WHAT TO WORK ON
Go through the following data and transcribe exactly the stretch of lines from the one holding "#28=IFCSHAPEREPRESENTATION(#27,'Body','Tessellation',(#26));" to the one holding "#31=IFCLOCALPLACEMENT(#14,#2);", both included.

[Saved entries]
<<<<

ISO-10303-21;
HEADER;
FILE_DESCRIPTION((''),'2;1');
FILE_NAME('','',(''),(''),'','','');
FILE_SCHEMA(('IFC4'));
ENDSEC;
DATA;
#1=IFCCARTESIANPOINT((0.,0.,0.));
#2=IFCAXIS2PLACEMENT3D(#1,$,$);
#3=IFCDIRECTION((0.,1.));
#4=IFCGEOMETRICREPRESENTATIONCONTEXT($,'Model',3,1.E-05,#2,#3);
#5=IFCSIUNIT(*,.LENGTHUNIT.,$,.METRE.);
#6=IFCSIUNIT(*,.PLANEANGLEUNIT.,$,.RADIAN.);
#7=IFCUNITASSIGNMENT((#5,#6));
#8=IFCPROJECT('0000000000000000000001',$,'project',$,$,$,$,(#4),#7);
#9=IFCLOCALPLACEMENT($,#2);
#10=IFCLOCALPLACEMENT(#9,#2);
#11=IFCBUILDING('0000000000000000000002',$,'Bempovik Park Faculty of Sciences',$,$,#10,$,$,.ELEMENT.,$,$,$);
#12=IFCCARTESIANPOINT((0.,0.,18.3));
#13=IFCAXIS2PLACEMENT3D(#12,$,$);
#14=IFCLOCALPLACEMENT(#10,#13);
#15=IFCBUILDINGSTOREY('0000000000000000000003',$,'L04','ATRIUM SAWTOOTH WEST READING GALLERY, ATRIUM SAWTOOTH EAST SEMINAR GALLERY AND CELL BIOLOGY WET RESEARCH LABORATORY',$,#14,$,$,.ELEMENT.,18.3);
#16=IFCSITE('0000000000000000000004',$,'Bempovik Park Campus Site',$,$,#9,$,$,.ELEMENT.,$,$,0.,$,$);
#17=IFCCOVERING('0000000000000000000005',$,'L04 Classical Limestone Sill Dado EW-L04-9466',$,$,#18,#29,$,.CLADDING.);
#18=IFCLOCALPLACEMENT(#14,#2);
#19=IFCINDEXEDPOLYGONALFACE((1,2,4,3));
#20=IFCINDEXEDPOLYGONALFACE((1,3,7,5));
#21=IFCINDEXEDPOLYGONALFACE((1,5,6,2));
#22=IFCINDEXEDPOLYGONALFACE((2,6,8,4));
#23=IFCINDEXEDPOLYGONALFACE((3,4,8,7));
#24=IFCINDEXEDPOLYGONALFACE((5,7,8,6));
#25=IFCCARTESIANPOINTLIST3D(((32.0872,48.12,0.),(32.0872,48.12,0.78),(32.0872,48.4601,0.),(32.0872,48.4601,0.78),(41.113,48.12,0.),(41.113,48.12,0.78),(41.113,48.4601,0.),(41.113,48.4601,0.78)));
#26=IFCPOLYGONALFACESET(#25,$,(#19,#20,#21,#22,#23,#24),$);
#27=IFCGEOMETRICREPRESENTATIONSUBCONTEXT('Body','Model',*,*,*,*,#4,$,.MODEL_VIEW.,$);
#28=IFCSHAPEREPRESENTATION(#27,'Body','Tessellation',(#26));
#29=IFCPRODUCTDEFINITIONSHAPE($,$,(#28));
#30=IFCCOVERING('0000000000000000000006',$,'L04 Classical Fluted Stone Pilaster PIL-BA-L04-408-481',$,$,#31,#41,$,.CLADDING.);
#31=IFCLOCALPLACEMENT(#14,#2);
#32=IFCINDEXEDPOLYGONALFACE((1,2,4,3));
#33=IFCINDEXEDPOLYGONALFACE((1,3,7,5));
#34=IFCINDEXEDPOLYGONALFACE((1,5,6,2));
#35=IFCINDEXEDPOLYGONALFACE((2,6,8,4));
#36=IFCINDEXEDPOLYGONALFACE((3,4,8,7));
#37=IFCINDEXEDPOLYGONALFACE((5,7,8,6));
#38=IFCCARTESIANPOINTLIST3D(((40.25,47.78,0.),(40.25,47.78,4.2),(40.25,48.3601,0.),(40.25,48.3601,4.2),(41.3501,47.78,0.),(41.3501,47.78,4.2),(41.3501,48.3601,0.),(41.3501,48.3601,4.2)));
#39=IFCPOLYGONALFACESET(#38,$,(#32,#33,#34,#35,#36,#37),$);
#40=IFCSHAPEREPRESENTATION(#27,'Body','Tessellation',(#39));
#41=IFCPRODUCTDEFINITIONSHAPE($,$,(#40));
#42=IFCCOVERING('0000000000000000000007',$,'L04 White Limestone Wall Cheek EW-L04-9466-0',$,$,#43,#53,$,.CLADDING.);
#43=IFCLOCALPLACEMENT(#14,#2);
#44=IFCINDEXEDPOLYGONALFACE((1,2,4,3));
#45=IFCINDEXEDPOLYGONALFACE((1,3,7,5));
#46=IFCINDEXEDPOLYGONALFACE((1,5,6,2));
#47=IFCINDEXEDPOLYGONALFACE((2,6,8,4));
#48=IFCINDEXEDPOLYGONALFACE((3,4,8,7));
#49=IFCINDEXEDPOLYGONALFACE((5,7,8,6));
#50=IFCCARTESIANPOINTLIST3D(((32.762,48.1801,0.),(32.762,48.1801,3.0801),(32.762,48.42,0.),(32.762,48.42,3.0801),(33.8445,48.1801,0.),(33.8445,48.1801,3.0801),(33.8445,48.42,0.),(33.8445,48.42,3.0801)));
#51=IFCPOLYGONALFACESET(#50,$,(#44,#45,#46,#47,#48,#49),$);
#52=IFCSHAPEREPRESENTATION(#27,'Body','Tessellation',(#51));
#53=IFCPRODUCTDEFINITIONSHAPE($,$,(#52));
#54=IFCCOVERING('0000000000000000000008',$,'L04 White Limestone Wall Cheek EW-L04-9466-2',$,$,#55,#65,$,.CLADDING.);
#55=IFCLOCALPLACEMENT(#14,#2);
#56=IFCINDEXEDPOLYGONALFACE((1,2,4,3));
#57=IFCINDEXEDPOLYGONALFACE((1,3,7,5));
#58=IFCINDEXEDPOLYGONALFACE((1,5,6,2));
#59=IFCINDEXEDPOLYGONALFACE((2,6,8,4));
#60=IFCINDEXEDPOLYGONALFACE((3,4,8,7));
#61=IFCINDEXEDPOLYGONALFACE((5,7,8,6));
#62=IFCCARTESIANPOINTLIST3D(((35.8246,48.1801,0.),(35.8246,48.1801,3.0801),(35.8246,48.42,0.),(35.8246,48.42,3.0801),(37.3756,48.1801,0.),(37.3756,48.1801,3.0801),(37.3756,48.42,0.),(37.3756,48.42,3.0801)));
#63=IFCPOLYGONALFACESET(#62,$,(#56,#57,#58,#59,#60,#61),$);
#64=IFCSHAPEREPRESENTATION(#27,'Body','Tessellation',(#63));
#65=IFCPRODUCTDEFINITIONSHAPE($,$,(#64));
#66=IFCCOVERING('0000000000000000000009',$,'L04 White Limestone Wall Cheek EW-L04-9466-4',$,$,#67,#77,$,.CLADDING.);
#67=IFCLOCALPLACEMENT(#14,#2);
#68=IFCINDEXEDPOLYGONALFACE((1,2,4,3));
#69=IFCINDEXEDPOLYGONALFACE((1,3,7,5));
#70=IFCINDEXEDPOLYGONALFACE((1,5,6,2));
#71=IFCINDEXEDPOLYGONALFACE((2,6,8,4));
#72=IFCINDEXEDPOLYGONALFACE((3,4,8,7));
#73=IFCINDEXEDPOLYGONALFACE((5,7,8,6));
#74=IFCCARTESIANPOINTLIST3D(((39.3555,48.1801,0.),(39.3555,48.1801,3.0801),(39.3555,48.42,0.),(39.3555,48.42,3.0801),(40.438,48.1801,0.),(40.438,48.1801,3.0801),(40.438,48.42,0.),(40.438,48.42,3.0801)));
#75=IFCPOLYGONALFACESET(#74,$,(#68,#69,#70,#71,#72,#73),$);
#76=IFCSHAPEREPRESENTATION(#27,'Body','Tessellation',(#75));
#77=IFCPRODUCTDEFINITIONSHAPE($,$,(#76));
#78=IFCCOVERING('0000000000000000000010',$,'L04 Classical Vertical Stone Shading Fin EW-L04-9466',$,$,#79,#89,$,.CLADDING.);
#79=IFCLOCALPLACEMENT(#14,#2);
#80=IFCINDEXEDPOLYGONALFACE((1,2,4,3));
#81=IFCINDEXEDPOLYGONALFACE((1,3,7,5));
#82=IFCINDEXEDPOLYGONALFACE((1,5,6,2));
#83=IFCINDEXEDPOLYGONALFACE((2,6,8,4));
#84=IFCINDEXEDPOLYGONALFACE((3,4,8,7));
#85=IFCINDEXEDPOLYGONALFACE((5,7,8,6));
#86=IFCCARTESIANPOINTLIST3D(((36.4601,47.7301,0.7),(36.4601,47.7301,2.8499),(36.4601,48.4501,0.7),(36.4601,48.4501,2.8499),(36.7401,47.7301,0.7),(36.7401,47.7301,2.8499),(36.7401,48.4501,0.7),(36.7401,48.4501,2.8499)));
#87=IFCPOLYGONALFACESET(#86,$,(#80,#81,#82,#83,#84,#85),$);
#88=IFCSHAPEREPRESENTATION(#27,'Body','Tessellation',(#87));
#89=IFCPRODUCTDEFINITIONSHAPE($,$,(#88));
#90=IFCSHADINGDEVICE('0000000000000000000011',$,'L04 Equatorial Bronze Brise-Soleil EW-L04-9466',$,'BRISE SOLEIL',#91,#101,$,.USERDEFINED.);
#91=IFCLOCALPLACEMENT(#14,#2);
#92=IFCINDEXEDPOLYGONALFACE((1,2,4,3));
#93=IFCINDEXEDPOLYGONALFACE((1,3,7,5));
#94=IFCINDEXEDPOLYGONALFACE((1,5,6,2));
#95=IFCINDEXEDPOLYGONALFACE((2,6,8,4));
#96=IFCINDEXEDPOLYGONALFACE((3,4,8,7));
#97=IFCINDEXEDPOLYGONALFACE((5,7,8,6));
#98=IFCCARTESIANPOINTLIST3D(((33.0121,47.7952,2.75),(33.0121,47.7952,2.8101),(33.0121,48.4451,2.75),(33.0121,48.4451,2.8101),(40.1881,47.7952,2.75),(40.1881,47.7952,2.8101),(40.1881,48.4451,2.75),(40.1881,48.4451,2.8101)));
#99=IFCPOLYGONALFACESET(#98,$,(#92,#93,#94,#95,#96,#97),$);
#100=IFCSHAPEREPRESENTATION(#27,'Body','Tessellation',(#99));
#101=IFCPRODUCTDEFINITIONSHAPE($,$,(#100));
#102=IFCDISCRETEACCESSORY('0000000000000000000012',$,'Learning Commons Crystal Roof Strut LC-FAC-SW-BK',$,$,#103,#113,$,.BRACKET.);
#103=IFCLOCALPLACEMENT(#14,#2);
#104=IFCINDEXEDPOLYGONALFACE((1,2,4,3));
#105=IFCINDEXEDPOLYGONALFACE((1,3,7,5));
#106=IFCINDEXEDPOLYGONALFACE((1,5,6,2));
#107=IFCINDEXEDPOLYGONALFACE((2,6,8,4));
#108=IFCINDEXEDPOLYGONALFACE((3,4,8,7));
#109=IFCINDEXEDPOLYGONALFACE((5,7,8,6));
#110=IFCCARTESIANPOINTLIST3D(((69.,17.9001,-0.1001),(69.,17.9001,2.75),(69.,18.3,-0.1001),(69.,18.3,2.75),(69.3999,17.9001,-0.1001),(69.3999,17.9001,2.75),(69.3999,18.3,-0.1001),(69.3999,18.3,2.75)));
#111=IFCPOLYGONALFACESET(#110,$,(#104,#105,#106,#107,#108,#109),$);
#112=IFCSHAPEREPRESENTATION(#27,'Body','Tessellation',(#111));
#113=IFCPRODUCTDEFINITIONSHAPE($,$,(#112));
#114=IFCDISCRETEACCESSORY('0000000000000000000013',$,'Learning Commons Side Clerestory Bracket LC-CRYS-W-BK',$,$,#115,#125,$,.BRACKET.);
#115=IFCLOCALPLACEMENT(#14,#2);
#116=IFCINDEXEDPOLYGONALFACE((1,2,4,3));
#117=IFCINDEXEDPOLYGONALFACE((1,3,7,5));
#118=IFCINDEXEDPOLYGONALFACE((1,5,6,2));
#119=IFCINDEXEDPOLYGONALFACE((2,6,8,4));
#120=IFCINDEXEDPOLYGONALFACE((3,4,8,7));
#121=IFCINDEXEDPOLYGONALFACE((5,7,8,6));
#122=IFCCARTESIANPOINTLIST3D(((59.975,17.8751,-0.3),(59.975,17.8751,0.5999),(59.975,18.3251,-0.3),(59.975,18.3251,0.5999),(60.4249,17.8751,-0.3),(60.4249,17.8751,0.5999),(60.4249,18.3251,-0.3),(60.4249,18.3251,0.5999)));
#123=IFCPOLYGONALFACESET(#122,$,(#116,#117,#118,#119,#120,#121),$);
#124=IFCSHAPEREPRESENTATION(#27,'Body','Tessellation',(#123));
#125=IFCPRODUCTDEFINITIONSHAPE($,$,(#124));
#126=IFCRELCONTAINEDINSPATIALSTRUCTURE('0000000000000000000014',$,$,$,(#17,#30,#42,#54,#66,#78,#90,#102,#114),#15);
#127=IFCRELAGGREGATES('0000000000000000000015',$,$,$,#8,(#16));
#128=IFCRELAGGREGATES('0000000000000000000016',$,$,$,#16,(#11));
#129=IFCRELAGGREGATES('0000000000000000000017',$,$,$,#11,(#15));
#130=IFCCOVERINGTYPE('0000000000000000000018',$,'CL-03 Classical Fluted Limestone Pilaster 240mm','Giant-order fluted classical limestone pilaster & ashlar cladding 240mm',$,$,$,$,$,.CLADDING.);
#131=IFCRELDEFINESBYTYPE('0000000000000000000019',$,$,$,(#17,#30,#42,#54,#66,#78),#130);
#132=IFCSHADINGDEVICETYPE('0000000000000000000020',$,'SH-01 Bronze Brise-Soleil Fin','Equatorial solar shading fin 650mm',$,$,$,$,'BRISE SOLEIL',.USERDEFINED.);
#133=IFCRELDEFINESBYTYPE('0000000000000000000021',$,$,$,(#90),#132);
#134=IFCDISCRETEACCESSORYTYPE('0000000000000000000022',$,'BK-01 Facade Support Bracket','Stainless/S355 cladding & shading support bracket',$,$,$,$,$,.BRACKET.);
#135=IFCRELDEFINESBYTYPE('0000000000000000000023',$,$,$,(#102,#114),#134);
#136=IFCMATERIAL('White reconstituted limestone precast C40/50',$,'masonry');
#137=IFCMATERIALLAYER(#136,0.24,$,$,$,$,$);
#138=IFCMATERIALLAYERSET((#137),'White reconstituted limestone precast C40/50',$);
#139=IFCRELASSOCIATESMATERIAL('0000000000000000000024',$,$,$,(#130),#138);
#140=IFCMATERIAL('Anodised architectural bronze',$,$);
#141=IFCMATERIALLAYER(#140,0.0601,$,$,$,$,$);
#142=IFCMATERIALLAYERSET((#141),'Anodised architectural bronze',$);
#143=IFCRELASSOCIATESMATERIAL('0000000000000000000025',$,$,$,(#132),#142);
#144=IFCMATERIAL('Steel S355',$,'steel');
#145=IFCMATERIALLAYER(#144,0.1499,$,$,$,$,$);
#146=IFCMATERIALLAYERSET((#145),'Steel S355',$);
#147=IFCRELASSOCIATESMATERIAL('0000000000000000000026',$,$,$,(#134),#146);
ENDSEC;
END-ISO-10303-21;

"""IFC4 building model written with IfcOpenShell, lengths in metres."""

from ifc_helpers import new_model, si_unit, direction, frame, origin, origin_2d, place, context, subcontext, project, spatial, rectangle, extrude, material, layer, layer_set, type_object, element, save


model = new_model("IFC4")

# Units and contexts
model_context = context("Model", 3, precision=1e-05, world=origin(), true_north=direction((0.0, 1.0)))
body_context = subcontext(model_context, "Body", "Model", "MODEL_VIEW")
ifc_project = project(units=[si_unit("LENGTHUNIT", "METRE"), si_unit("PLANEANGLEUNIT", "RADIAN")], contexts=[model_context])

# Site, building, storey
site_placement = place(None, origin())
site = spatial("IfcSite", under=ifc_project, at=site_placement, Name="Bempovik Park Campus Site", CompositionType="ELEMENT", RefElevation=0.0)
building_placement = place(site_placement, origin())
building = spatial("IfcBuilding", under=site, at=building_placement, Name="Bempovik Park Faculty of Sciences", CompositionType="ELEMENT")
storey_placement = place(building_placement, frame((0.0, 0.0, 18.3)))
storey = spatial("IfcBuildingStorey", under=building, at=storey_placement, Name="L04", Description="ATRIUM SAWTOOTH WEST READING GALLERY, ATRIUM SAWTOOTH EAST SEMINAR GALLERY AND CELL BIOLOGY WET RESEARCH LABORATORY", CompositionType="ELEMENT", Elevation=18.3)

# Coverings
ifc_material_1 = material(Name="White reconstituted limestone precast C40/50", Category="masonry")
ifc_layer_1 = layer(ifc_material_1, 0.24)
ifc_layer_set_1 = layer_set([ifc_layer_1], Name="White reconstituted limestone precast C40/50")
covering_type_1 = type_object("IfcCoveringType", Name="CL-03 Classical Fluted Limestone Pilaster 240mm", Description="Giant-order fluted classical limestone pilaster & ashlar cladding 240mm", PredefinedType="CLADDING", material=ifc_layer_set_1)
covering_1_placement = place(storey_placement, frame((36.6001, 48.29, 0.0), z_axis=(0.0, 0.0, 1.0), x_axis=(1.0, 0.0, 0.0)))
element("IfcCovering", 1, at=covering_1_placement, inside=storey, type_object=covering_type_1, Name="L04 Classical Limestone Sill Dado EW-L04-9466", PredefinedType="CLADDING", context=body_context, shape_type="SweptSolid", body=[
    extrude(rectangle(XDim=9.0259, YDim=0.3401, at=origin_2d()), origin(), (0.0, 0.0, 1.0), 0.78),
])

>>>>

SOLVED EXERCISE
#28=IFCSHAPEREPRESENTATION(#27,'Body','Tessellation',(#26));
#29=IFCPRODUCTDEFINITIONSHAPE($,$,(#28));
#30=IFCCOVERING('0000000000000000000006',$,'L04 Classical Fluted Stone Pilaster PIL-BA-L04-408-481',$,$,#31,#41,$,.CLADDING.);
#31=IFCLOCALPLACEMENT(#14,#2);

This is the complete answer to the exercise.